Collected data entries
§

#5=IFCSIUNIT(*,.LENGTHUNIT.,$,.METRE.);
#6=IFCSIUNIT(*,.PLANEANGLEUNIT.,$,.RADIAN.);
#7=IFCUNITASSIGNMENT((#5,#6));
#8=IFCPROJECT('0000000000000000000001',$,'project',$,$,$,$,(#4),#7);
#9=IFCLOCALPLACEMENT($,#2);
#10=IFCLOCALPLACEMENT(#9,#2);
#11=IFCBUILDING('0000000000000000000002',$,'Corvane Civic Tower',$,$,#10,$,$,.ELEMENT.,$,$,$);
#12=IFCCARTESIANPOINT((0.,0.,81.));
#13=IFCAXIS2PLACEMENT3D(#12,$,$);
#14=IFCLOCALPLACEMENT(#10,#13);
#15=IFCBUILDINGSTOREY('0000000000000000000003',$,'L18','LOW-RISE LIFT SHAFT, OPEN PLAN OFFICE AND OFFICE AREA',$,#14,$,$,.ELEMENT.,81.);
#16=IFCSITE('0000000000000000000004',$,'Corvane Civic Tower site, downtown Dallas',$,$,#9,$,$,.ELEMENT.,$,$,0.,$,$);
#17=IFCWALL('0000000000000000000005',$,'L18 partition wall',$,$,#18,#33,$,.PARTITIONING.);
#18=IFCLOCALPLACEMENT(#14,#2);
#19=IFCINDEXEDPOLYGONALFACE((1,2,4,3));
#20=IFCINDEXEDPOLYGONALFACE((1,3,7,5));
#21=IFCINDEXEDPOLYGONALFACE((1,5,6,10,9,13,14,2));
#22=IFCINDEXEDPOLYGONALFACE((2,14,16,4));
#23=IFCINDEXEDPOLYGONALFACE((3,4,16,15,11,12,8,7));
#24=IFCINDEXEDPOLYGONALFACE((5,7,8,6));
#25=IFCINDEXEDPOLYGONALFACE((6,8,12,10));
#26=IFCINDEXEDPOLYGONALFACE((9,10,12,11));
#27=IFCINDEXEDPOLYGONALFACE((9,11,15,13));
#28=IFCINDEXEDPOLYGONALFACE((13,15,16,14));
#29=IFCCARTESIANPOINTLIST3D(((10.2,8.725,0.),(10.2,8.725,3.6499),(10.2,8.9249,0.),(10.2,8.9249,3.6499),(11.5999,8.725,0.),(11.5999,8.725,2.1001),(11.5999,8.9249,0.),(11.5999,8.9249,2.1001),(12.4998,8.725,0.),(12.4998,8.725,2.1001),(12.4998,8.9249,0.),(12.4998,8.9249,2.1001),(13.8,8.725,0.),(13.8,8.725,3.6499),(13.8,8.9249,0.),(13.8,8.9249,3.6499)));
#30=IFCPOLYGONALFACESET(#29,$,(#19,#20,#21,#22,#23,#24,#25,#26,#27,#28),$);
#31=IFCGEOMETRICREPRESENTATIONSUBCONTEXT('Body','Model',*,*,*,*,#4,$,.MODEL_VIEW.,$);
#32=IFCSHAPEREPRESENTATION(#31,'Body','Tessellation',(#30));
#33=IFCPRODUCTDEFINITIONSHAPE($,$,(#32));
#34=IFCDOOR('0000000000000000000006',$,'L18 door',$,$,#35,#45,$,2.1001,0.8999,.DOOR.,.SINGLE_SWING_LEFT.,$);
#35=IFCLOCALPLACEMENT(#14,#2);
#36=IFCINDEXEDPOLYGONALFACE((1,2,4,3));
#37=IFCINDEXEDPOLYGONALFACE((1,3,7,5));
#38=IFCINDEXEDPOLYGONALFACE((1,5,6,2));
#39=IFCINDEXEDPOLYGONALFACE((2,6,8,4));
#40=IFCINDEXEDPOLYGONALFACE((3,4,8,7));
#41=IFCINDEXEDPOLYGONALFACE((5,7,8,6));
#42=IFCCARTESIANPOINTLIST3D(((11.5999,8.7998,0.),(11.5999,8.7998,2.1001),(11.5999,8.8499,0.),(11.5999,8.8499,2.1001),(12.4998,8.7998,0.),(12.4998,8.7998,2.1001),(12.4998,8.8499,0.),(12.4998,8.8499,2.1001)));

§

*Exercise aim:* This exercise calls for every record to be restated word for word.

*Exercise result:*
#5=IFCSIUNIT(*,.LENGTHUNIT.,$,.METRE.);
#6=IFCSIUNIT(*,.PLANEANGLEUNIT.,$,.RADIAN.);
#7=IFCUNITASSIGNMENT((#5,#6));
#8=IFCPROJECT('0000000000000000000001',$,'project',$,$,$,$,(#4),#7);
#9=IFCLOCALPLACEMENT($,#2);
#10=IFCLOCALPLACEMENT(#9,#2);
#11=IFCBUILDING('0000000000000000000002',$,'Corvane Civic Tower',$,$,#10,$,$,.ELEMENT.,$,$,$);
#12=IFCCARTESIANPOINT((0.,0.,81.));
#13=IFCAXIS2PLACEMENT3D(#12,$,$);
#14=IFCLOCALPLACEMENT(#10,#13);
#15=IFCBUILDINGSTOREY('0000000000000000000003',$,'L18','LOW-RISE LIFT SHAFT, OPEN PLAN OFFICE AND OFFICE AREA',$,#14,$,$,.ELEMENT.,81.);
#16=IFCSITE('0000000000000000000004',$,'Corvane Civic Tower site, downtown Dallas',$,$,#9,$,$,.ELEMENT.,$,$,0.,$,$);
#17=IFCWALL('0000000000000000000005',$,'L18 partition wall',$,$,#18,#33,$,.PARTITIONING.);
#18=IFCLOCALPLACEMENT(#14,#2);
#19=IFCINDEXEDPOLYGONALFACE((1,2,4,3));
#20=IFCINDEXEDPOLYGONALFACE((1,3,7,5));
#21=IFCINDEXEDPOLYGONALFACE((1,5,6,10,9,13,14,2));
#22=IFCINDEXEDPOLYGONALFACE((2,14,16,4));
#23=IFCINDEXEDPOLYGONALFACE((3,4,16,15,11,12,8,7));
#24=IFCINDEXEDPOLYGONALFACE((5,7,8,6));
#25=IFCINDEXEDPOLYGONALFACE((6,8,12,10));
#26=IFCINDEXEDPOLYGONALFACE((9,10,12,11));
#27=IFCINDEXEDPOLYGONALFACE((9,11,15,13));
#28=IFCINDEXEDPOLYGONALFACE((13,15,16,14));
#29=IFCCARTESIANPOINTLIST3D(((10.2,8.725,0.),(10.2,8.725,3.6499),(10.2,8.9249,0.),(10.2,8.9249,3.6499),(11.5999,8.725,0.),(11.5999,8.725,2.1001),(11.5999,8.9249,0.),(11.5999,8.9249,2.1001),(12.4998,8.725,0.),(12.4998,8.725,2.1001),(12.4998,8.9249,0.),(12.4998,8.9249,2.1001),(13.8,8.725,0.),(13.8,8.725,3.6499),(13.8,8.9249,0.),(13.8,8.9249,3.6499)));
#30=IFCPOLYGONALFACESET(#29,$,(#19,#20,#21,#22,#23,#24,#25,#26,#27,#28),$);
#31=IFCGEOMETRICREPRESENTATIONSUBCONTEXT('Body','Model',*,*,*,*,#4,$,.MODEL_VIEW.,$);
#32=IFCSHAPEREPRESENTATION(#31,'Body','Tessellation',(#30));
#33=IFCPRODUCTDEFINITIONSHAPE($,$,(#32));
#34=IFCDOOR('0000000000000000000006',$,'L18 door',$,$,#35,#45,$,2.1001,0.8999,.DOOR.,.SINGLE_SWING_LEFT.,$);
#35=IFCLOCALPLACEMENT(#14,#2);
#36=IFCINDEXEDPOLYGONALFACE((1,2,4,3));
#37=IFCINDEXEDPOLYGONALFACE((1,3,7,5));
#38=IFCINDEXEDPOLYGONALFACE((1,5,6,2));
#39=IFCINDEXEDPOLYGONALFACE((2,6,8,4));
#40=IFCINDEXEDPOLYGONALFACE((3,4,8,7));
#41=IFCINDEXEDPOLYGONALFACE((5,7,8,6));
#42=IFCCARTESIANPOINTLIST3D(((11.5999,8.7998,0.),(11.5999,8.7998,2.1001),(11.5999,8.8499,0.),(11.5999,8.8499,2.1001),(12.4998,8.7998,0.),(12.4998,8.7998,2.1001),(12.4998,8.8499,0.),(12.4998,8.8499,2.1001)));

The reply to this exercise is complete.